→ Records for processing:

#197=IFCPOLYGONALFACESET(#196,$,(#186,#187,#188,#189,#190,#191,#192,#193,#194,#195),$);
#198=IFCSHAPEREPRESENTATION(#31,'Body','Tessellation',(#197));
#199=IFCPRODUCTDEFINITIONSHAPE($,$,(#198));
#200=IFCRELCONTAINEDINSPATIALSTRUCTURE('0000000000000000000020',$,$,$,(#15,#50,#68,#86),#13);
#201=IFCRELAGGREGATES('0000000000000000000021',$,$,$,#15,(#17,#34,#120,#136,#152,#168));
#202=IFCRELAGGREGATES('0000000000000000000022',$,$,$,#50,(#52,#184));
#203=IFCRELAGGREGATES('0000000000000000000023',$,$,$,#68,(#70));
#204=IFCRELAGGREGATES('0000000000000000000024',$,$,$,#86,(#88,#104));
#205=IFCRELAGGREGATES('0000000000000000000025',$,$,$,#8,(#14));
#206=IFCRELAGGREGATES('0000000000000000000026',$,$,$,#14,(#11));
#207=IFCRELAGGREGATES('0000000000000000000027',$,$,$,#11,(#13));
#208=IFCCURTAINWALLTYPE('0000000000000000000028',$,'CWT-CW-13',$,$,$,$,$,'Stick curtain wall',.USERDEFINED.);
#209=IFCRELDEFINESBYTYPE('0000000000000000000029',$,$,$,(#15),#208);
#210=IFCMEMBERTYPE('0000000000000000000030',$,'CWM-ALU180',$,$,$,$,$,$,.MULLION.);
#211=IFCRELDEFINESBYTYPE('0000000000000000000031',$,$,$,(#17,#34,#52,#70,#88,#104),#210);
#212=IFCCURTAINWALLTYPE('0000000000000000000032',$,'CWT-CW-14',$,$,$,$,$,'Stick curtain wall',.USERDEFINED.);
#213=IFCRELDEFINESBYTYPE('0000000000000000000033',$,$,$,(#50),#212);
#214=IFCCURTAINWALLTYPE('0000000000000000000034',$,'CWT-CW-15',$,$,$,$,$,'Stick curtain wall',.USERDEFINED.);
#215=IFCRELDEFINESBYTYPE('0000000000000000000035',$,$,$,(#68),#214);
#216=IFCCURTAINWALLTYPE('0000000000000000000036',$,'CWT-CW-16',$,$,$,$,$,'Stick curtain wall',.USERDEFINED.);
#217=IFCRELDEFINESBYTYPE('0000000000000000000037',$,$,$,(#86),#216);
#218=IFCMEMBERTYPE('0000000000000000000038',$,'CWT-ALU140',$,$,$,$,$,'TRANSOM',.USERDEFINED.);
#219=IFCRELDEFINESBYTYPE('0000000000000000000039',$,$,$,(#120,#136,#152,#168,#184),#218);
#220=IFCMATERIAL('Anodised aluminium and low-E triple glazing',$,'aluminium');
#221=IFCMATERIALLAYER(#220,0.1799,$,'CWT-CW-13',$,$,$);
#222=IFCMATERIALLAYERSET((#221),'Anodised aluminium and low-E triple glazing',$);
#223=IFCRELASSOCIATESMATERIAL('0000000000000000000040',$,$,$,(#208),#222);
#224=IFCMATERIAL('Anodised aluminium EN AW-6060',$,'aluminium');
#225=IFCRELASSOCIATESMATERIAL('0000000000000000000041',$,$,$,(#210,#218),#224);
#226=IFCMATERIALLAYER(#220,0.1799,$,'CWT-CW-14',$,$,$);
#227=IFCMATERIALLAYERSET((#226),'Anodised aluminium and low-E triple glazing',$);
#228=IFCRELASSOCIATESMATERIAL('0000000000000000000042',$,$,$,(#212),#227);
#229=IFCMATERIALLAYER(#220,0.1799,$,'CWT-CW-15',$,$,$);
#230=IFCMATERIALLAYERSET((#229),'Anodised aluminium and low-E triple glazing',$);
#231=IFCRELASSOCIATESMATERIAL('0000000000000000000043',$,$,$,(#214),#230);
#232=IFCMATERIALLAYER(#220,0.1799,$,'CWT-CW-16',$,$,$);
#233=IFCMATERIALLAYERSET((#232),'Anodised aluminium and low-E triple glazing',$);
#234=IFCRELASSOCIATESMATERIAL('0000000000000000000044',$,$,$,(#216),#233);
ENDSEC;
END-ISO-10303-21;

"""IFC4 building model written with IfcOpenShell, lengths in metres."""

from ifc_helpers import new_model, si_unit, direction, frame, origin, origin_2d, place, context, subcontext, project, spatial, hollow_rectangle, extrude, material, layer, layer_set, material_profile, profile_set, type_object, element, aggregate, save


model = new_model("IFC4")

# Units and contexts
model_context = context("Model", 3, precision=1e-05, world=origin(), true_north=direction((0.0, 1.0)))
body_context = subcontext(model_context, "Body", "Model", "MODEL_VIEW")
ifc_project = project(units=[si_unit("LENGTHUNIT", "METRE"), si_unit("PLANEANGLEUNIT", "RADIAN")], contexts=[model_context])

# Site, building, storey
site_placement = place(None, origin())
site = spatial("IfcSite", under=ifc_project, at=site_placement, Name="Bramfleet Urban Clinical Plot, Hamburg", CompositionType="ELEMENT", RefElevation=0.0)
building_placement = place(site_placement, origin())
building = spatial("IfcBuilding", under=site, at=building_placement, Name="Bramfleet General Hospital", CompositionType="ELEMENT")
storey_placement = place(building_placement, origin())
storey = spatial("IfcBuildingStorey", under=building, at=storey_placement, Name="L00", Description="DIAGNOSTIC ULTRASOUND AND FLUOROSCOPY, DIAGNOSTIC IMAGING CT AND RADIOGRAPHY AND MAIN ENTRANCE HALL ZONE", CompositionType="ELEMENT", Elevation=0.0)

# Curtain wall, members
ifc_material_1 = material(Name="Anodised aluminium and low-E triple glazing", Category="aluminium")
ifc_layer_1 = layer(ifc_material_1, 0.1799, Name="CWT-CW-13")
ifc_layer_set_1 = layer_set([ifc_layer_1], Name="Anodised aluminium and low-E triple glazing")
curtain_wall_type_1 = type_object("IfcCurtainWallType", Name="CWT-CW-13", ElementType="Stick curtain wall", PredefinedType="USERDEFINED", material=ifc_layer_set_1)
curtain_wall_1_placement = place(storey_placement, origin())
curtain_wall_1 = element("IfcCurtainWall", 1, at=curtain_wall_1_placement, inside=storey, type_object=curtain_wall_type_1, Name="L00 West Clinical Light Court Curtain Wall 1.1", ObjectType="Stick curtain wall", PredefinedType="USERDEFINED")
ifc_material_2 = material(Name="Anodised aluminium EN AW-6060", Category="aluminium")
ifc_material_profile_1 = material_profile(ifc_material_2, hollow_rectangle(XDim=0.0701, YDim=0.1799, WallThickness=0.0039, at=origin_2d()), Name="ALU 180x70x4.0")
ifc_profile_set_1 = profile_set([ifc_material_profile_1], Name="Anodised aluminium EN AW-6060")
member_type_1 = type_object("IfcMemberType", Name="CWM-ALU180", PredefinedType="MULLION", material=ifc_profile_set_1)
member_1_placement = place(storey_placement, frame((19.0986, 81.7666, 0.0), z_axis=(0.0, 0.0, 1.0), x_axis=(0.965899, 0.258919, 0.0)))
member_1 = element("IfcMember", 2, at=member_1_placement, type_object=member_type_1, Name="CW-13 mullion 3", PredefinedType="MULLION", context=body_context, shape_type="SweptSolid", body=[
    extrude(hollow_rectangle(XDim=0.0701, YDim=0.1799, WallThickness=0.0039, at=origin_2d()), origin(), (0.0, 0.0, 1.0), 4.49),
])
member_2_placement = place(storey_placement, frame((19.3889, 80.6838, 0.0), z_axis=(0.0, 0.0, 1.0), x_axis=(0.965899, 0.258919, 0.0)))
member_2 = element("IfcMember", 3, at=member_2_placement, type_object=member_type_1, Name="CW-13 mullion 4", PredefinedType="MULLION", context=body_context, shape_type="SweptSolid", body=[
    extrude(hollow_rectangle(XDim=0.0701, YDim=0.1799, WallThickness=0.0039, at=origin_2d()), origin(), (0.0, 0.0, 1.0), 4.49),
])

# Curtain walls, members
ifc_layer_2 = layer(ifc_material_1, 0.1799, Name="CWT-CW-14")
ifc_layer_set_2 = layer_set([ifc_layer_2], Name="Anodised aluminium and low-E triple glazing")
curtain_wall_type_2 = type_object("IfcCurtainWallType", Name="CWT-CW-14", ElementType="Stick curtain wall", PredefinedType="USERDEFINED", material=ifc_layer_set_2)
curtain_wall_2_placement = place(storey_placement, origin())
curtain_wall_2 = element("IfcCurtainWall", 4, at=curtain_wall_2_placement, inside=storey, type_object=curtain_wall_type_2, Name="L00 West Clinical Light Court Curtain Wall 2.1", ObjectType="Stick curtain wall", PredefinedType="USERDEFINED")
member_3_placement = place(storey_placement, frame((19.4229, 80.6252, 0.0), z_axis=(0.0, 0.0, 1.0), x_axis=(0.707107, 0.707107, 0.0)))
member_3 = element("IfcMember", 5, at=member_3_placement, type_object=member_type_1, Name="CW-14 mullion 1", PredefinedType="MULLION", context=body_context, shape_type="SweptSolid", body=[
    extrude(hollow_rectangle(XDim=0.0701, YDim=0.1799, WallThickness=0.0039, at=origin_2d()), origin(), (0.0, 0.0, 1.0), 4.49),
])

→ Task description:
Look over the records above, and wherever a line contains the string "Court", copy that line.

→ Reply:
curtain_wall_1 = element("IfcCurtainWall", 1, at=curtain_wall_1_placement, inside=storey, type_object=curtain_wall_type_1, Name="L00 West Clinical Light Court Curtain Wall 1.1", ObjectType="Stick curtain wall", PredefinedType="USERDEFINED")
curtain_wall_2 = element("IfcCurtainWall", 4, at=curtain_wall_2_placement, inside=storey, type_object=curtain_wall_type_2, Name="L00 West Clinical Light Court Curtain Wall 2.1", ObjectType="Stick curtain wall", PredefinedType="USERDEFINED")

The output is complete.